(Stored items)

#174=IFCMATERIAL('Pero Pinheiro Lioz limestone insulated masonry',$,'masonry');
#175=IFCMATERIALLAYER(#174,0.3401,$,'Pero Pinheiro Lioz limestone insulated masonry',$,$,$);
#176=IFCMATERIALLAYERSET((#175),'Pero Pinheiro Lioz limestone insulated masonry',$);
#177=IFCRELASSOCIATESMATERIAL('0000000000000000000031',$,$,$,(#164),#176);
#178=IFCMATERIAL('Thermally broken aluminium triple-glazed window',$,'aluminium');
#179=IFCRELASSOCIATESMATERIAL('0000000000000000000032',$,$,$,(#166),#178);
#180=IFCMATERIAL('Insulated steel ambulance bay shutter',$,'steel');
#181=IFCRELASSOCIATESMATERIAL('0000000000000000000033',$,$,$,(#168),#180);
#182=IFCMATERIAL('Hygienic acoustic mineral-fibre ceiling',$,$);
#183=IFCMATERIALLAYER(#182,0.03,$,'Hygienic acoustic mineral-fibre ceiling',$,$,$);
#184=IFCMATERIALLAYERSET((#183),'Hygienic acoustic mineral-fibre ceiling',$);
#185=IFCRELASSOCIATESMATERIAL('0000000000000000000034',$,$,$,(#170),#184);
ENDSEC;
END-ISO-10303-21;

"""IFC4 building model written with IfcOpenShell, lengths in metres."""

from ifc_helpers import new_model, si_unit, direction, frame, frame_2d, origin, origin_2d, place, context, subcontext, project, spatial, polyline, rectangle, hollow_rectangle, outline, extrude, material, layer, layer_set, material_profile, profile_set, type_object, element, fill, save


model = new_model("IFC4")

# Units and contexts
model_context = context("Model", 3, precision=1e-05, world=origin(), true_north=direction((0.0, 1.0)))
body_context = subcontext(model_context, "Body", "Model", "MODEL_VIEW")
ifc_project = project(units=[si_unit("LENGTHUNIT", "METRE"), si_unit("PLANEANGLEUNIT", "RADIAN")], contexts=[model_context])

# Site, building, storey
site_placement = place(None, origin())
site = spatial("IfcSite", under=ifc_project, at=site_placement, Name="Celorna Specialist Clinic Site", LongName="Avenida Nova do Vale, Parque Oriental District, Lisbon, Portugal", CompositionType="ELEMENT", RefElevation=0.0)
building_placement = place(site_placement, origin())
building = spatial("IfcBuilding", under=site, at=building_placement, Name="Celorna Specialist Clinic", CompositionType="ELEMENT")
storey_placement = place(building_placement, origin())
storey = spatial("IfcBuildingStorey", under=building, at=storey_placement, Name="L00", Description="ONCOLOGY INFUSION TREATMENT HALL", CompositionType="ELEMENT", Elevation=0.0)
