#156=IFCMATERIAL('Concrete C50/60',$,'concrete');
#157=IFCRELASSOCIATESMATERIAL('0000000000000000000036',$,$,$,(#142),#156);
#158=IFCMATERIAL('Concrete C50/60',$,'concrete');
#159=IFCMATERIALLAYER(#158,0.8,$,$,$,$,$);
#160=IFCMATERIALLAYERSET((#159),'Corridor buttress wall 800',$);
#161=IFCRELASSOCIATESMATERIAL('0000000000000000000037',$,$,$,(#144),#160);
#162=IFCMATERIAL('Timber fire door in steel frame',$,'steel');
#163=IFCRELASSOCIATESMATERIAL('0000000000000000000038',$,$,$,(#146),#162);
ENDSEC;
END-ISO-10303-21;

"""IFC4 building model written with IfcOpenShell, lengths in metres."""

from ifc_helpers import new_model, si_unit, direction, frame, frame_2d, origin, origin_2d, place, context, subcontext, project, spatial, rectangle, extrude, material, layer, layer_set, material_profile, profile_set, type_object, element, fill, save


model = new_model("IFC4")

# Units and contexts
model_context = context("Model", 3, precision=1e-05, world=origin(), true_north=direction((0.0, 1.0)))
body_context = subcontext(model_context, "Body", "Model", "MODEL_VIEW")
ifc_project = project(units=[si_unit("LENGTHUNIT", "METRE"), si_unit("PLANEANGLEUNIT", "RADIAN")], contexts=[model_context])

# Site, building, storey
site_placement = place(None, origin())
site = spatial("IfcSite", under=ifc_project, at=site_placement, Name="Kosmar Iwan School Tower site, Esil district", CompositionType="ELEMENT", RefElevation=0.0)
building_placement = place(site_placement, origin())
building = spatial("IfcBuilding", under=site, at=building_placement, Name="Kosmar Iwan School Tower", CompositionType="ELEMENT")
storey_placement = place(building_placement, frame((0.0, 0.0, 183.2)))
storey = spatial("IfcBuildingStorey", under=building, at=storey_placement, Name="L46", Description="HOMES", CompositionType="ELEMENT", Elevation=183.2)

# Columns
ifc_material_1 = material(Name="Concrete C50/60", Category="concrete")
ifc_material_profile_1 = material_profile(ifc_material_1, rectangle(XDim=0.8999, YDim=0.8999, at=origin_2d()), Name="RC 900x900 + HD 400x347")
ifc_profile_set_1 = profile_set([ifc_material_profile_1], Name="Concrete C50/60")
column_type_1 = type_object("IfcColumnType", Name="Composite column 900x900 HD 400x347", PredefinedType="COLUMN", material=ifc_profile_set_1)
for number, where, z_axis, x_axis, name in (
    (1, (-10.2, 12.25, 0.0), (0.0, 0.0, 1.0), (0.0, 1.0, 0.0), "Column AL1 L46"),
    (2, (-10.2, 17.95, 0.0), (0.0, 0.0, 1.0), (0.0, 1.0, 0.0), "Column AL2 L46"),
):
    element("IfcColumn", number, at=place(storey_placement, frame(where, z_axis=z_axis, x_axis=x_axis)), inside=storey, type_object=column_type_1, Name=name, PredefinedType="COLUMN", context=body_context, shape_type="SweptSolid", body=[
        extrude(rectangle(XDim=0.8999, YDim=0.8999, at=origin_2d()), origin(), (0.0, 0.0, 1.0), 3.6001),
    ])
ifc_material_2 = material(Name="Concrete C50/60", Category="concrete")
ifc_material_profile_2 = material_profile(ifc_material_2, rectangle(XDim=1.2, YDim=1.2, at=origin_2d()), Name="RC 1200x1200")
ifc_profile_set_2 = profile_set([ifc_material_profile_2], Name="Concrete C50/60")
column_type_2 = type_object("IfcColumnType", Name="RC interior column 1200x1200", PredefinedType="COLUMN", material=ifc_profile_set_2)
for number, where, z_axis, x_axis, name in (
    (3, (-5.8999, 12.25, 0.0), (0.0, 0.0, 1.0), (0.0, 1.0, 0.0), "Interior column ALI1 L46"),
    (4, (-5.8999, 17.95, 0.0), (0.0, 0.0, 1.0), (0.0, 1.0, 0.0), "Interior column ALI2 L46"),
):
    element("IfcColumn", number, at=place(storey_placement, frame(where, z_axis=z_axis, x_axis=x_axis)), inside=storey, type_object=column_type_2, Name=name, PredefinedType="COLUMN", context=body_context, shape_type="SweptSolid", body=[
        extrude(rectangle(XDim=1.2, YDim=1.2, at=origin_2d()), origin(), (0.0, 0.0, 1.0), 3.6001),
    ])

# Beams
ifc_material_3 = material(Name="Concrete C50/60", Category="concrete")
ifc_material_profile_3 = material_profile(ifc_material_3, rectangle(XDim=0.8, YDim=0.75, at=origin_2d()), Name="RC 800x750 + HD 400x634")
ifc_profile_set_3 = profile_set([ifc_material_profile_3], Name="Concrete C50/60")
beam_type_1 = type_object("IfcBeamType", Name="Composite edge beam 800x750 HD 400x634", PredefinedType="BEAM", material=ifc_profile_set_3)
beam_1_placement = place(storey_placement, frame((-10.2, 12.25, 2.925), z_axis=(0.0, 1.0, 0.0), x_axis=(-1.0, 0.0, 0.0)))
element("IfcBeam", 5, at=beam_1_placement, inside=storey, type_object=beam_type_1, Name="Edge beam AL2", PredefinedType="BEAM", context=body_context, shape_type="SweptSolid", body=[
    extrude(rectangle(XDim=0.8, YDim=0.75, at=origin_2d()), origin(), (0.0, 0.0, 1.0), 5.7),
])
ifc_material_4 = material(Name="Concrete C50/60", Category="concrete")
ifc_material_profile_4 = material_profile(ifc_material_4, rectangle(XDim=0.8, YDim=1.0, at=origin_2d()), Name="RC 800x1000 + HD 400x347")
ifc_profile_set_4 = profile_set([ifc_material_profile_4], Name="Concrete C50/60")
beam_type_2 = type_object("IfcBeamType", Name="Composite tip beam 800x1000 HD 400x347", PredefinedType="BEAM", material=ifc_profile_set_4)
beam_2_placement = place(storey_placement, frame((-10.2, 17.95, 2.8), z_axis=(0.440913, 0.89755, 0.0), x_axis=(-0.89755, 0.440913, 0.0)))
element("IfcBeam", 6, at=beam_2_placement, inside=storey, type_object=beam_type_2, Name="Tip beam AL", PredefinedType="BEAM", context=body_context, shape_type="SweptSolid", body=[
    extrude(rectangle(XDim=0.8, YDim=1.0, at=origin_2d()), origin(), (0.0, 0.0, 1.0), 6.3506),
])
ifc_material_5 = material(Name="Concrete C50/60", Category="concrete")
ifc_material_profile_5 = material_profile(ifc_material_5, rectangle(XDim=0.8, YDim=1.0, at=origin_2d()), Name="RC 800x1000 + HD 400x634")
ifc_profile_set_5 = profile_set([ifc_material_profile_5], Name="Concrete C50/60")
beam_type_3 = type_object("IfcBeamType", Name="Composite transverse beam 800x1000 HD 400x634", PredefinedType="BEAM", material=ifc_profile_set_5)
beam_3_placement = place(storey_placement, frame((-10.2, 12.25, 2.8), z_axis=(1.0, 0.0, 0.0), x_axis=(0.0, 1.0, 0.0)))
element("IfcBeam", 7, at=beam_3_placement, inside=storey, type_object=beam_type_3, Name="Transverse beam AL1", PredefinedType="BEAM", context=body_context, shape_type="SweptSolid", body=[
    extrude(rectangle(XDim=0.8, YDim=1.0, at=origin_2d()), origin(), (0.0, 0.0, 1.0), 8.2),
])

### EXERCISE
What lines of the data contain the string "Tower"? List them.

### EXERCISE SOLUTION
site = spatial("IfcSite", under=ifc_project, at=site_placement, Name="Kosmar Iwan School Tower site, Esil district", CompositionType="ELEMENT", RefElevation=0.0)
building = spatial("IfcBuilding", under=site, at=building_placement, Name="Kosmar Iwan School Tower", CompositionType="ELEMENT")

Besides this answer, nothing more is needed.